Below are some records. Return exactly the lines from the one with "#175=IFCINDEXEDPOLYGONALFACE((46,48,52,50));" to the one with "#183=IFCINDEXEDPOLYGONALFACE((62,64,71,67));", and nothing else.
┌──
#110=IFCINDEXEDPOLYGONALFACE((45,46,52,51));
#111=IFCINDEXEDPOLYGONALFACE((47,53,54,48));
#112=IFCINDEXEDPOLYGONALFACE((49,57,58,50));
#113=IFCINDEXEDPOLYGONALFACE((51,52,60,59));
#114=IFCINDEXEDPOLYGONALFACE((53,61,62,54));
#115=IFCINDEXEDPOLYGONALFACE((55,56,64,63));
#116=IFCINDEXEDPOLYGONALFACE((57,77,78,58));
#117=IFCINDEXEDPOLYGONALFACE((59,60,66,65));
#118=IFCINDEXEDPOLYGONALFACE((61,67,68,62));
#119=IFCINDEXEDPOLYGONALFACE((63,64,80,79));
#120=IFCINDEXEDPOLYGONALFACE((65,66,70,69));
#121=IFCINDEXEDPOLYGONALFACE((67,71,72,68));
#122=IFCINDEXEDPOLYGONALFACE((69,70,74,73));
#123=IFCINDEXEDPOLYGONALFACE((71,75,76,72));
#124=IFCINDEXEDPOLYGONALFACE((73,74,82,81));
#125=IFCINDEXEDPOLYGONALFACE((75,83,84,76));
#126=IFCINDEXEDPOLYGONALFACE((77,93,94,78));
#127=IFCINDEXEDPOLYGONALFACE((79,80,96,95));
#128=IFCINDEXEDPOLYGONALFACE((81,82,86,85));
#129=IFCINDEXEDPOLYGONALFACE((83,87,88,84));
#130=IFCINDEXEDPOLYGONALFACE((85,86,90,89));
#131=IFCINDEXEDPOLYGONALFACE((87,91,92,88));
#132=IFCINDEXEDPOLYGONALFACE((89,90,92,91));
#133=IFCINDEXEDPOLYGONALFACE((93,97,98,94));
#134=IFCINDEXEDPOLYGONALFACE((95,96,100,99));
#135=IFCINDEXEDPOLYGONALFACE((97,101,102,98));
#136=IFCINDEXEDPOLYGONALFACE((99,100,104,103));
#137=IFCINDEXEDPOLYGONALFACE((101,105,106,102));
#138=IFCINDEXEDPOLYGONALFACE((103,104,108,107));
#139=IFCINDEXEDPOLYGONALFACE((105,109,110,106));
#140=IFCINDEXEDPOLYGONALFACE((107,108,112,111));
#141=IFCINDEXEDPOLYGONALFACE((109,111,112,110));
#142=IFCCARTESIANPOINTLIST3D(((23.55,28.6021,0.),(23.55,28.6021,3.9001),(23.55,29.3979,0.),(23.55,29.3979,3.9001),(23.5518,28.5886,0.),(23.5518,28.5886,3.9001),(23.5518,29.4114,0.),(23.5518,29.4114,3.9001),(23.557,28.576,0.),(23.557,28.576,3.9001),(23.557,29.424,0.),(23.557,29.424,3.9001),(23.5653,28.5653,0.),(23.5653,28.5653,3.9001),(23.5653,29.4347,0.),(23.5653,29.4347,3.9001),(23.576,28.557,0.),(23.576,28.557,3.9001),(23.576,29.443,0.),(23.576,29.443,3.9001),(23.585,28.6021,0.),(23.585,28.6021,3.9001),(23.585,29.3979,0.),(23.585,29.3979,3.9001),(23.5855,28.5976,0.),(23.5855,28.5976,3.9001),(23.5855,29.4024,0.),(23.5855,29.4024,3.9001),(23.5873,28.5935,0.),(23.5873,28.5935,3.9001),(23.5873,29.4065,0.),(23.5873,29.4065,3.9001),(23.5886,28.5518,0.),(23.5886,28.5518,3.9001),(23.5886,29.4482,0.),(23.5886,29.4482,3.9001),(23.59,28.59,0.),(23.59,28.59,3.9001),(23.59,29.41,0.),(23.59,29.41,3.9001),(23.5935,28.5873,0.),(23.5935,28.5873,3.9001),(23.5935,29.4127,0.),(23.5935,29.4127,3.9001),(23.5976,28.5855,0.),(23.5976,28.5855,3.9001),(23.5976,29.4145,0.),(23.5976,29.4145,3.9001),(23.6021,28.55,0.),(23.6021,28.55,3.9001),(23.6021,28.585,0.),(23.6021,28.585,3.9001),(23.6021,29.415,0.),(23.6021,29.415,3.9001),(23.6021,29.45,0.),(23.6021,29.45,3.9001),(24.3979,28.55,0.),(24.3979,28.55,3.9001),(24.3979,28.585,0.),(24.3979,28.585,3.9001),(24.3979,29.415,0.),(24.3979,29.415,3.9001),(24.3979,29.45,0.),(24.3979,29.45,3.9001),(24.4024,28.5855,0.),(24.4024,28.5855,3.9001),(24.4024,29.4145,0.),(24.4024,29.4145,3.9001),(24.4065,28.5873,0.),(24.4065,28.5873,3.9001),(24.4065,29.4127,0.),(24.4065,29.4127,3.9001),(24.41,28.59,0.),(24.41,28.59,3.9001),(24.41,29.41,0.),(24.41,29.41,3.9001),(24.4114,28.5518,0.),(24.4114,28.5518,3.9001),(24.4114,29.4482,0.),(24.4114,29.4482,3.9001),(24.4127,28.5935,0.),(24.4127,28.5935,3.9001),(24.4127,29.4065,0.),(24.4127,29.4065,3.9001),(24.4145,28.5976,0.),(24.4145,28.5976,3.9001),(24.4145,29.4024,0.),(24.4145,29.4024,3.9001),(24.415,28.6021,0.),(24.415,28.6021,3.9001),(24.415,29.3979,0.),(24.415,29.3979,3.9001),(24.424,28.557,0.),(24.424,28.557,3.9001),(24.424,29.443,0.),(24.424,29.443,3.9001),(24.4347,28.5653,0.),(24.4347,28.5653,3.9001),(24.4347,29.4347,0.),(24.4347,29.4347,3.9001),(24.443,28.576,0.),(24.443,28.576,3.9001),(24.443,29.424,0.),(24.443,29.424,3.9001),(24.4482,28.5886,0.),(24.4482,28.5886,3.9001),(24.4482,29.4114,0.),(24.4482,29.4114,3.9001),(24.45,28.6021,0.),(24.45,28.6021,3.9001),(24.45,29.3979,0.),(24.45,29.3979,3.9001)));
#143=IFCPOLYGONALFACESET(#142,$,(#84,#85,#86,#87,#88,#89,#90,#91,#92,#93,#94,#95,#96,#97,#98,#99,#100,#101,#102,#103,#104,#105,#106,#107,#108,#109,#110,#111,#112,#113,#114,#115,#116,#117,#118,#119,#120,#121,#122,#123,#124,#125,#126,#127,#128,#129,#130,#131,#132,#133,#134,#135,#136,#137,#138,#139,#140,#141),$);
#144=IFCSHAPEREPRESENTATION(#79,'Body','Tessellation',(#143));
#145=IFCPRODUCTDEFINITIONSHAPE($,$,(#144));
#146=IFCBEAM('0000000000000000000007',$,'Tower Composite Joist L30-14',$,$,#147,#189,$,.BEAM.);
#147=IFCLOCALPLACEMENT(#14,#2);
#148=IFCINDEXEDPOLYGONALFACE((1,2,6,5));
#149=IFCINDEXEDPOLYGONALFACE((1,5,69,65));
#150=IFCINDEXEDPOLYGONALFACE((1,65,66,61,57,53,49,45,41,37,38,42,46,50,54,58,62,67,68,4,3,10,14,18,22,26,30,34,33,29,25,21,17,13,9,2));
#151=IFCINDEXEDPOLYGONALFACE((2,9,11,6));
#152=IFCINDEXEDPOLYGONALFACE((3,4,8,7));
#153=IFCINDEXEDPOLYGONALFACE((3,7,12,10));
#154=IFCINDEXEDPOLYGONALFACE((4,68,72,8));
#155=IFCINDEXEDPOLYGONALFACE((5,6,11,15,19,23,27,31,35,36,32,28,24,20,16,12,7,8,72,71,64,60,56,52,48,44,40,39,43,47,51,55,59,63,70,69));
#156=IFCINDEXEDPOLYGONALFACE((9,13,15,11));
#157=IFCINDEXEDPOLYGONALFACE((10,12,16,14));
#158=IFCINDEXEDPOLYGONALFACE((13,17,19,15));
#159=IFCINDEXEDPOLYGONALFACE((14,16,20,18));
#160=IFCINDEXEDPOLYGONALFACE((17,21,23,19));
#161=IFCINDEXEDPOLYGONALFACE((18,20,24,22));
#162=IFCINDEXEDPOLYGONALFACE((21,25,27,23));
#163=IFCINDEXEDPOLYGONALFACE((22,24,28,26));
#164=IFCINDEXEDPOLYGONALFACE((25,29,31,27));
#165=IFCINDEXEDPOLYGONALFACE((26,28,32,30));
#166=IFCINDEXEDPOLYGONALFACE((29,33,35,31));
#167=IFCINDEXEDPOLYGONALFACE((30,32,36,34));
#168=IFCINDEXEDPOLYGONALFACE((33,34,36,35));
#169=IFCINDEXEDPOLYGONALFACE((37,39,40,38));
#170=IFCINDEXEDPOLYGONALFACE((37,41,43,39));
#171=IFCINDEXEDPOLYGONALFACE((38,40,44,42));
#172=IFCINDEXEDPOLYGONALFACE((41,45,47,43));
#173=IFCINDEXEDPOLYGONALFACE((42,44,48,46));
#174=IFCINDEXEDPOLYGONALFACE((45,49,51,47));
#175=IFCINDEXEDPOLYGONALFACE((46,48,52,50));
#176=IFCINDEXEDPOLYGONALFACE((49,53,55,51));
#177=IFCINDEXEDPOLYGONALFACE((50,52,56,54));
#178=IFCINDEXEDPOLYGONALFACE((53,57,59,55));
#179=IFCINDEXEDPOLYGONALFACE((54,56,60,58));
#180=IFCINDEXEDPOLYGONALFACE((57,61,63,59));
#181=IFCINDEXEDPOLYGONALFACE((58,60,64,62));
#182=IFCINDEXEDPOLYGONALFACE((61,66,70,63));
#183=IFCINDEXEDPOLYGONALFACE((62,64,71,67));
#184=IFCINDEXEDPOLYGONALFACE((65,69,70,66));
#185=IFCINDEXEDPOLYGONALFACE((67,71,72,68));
└──
*Answer for this exercise*:
#175=IFCINDEXEDPOLYGONALFACE((46,48,52,50));
#176=IFCINDEXEDPOLYGONALFACE((49,53,55,51));
#177=IFCINDEXEDPOLYGONALFACE((50,52,56,54));
#178=IFCINDEXEDPOLYGONALFACE((53,57,59,55));
#179=IFCINDEXEDPOLYGONALFACE((54,56,60,58));
#180=IFCINDEXEDPOLYGONALFACE((57,61,63,59));
#181=IFCINDEXEDPOLYGONALFACE((58,60,64,62));
#182=IFCINDEXEDPOLYGONALFACE((61,66,70,63));
#183=IFCINDEXEDPOLYGONALFACE((62,64,71,67));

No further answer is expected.